Retype the tail of the data exactly, starting at the line containing "#178=IFCMATERIALLAYER(#177,0.03,$,$,$,$,$);" and stopping at the last line.

═════ THE INPUT ═════

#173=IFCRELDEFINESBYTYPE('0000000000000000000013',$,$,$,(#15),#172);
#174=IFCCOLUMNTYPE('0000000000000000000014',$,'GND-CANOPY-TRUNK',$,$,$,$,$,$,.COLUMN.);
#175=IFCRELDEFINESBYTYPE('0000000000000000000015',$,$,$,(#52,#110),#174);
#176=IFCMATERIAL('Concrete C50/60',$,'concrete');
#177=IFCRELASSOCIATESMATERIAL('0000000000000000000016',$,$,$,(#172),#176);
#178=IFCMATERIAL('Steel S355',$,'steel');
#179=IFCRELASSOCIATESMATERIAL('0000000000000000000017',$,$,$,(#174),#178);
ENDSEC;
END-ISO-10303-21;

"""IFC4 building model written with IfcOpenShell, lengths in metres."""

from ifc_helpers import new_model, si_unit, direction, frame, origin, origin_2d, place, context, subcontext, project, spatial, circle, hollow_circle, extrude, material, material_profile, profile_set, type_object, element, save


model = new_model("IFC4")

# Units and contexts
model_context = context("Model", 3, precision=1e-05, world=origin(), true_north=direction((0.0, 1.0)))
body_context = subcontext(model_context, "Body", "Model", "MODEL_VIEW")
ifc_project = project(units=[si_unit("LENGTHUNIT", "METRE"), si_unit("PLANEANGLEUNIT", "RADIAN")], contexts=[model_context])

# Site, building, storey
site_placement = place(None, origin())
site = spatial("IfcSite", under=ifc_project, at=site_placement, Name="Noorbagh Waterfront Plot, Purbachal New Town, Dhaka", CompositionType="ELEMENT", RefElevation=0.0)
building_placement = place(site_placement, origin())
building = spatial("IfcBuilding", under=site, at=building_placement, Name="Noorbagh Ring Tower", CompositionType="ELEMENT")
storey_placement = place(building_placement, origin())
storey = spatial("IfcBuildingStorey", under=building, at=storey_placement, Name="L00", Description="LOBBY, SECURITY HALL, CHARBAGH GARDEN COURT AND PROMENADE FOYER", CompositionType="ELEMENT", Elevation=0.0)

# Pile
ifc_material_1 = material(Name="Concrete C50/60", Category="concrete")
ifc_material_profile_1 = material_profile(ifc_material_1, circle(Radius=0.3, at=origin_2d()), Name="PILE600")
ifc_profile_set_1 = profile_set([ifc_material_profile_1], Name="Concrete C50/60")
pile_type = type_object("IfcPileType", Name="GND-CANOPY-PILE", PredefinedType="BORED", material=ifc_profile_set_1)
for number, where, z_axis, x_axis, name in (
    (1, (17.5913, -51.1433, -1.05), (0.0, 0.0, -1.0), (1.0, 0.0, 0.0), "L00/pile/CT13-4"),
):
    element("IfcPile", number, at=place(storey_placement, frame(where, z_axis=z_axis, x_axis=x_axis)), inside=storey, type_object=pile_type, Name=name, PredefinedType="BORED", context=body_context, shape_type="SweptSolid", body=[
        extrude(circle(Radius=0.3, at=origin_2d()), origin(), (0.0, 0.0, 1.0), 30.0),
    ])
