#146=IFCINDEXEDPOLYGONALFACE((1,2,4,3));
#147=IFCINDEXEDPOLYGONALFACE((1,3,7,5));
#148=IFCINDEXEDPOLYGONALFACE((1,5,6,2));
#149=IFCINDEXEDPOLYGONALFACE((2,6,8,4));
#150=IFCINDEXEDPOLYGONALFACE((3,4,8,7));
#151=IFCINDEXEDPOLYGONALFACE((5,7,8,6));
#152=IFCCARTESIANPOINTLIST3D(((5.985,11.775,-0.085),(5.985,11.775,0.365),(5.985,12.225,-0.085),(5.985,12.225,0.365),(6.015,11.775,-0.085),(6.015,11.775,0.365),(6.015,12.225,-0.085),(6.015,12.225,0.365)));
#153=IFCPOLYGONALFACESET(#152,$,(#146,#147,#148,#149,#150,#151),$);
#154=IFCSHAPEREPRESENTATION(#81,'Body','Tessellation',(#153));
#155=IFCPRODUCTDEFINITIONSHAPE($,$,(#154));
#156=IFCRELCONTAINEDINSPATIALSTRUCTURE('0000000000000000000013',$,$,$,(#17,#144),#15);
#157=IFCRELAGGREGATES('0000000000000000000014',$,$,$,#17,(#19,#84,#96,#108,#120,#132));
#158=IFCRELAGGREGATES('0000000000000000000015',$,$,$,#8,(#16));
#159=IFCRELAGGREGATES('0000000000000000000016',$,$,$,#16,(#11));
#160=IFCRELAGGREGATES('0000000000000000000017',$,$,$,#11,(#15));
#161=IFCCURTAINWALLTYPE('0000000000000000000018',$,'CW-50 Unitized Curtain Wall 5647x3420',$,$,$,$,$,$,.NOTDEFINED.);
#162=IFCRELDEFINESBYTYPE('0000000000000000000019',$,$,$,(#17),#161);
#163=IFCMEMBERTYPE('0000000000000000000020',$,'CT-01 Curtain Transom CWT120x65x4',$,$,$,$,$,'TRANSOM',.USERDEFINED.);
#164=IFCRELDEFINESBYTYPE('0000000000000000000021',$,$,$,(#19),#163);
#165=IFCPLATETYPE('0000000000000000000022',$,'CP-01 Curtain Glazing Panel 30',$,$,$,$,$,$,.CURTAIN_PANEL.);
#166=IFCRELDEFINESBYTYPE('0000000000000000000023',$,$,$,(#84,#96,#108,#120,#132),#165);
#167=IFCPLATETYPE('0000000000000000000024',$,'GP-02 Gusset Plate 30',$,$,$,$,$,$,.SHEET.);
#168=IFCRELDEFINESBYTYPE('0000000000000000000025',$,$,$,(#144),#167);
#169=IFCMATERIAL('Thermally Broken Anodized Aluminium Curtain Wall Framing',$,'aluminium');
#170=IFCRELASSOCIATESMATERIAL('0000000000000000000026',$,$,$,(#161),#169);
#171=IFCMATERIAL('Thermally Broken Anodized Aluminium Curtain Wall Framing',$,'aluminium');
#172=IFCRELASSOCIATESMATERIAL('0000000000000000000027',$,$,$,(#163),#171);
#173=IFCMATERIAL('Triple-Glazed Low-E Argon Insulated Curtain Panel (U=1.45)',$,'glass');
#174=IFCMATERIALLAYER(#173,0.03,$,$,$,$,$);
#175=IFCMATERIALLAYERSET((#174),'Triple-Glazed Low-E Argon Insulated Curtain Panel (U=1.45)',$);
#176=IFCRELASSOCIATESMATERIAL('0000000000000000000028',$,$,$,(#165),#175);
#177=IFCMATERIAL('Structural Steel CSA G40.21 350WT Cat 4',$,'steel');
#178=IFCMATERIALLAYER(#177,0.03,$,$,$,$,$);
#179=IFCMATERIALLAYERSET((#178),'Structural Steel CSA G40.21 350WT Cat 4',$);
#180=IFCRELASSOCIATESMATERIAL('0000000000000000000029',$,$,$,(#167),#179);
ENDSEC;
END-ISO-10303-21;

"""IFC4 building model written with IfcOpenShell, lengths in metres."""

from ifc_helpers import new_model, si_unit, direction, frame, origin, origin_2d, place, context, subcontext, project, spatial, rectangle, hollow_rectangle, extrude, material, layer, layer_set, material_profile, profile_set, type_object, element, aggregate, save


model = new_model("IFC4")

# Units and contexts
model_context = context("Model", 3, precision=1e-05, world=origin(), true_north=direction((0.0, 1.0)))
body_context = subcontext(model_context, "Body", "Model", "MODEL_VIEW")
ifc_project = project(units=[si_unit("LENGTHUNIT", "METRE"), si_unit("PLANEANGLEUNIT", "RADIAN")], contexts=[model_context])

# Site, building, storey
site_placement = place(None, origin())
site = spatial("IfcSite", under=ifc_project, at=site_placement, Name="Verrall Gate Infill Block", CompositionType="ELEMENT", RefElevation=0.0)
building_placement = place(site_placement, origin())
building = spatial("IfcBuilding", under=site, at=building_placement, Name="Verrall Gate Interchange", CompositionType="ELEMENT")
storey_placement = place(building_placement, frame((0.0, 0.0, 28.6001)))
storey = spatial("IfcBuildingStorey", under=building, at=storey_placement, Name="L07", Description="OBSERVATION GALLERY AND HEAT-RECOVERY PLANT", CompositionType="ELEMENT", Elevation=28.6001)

═════

TASK SOLUTION:
#178=IFCMATERIALLAYER(#177,0.03,$,$,$,$,$);
#179=IFCMATERIALLAYERSET((#178),'Structural Steel CSA G40.21 350WT Cat 4',$);
#180=IFCRELASSOCIATESMATERIAL('0000000000000000000029',$,$,$,(#167),#179);
ENDSEC;
END-ISO-10303-21;

"""IFC4 building model written with IfcOpenShell, lengths in metres."""

from ifc_helpers import new_model, si_unit, direction, frame, origin, origin_2d, place, context, subcontext, project, spatial, rectangle, hollow_rectangle, extrude, material, layer, layer_set, material_profile, profile_set, type_object, element, aggregate, save


model = new_model("IFC4")

# Units and contexts
model_context = context("Model", 3, precision=1e-05, world=origin(), true_north=direction((0.0, 1.0)))
body_context = subcontext(model_context, "Body", "Model", "MODEL_VIEW")
ifc_project = project(units=[si_unit("LENGTHUNIT", "METRE"), si_unit("PLANEANGLEUNIT", "RADIAN")], contexts=[model_context])

# Site, building, storey
site_placement = place(None, origin())
site = spatial("IfcSite", under=ifc_project, at=site_placement, Name="Verrall Gate Infill Block", CompositionType="ELEMENT", RefElevation=0.0)
building_placement = place(site_placement, origin())
building = spatial("IfcBuilding", under=site, at=building_placement, Name="Verrall Gate Interchange", CompositionType="ELEMENT")
storey_placement = place(building_placement, frame((0.0, 0.0, 28.6001)))
storey = spatial("IfcBuildingStorey", under=building, at=storey_placement, Name="L07", Description="OBSERVATION GALLERY AND HEAT-RECOVERY PLANT", CompositionType="ELEMENT", Elevation=28.6001)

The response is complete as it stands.